• **What is needed**: Search for the word "direction" in the entries. Each line that holds it should be copied.

Dataset records
◇ ◇ ◇ ◇ ◇ ◇ ◇
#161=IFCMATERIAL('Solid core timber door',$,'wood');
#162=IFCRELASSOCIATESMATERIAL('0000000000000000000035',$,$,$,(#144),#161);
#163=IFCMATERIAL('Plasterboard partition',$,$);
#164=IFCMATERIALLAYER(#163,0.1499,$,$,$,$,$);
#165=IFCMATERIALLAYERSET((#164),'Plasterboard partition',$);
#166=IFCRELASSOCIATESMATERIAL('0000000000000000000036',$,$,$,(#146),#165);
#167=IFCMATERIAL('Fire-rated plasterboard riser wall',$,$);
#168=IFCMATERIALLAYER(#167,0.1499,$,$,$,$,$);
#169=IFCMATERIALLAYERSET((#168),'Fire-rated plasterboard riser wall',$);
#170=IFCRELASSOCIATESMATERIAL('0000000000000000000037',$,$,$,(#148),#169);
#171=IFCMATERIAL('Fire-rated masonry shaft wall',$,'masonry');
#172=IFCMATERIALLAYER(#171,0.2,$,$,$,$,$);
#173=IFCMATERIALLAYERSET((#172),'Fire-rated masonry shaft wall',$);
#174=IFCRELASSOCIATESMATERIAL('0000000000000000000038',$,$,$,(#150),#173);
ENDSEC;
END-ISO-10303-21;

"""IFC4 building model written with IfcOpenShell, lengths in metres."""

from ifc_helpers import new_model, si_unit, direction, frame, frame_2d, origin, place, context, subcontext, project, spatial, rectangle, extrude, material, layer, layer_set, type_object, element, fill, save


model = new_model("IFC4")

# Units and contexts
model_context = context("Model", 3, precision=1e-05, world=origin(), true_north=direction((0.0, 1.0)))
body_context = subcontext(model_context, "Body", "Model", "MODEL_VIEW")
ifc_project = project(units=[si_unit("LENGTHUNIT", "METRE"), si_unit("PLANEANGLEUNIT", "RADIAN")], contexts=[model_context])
◇ ◇ ◇ ◇ ◇ ◇ ◇
• **Result of this exercise**:
from ifc_helpers import new_model, si_unit, direction, frame, frame_2d, origin, place, context, subcontext, project, spatial, rectangle, extrude, material, layer, layer_set, type_object, element, fill, save
model_context = context("Model", 3, precision=1e-05, world=origin(), true_north=direction((0.0, 1.0)))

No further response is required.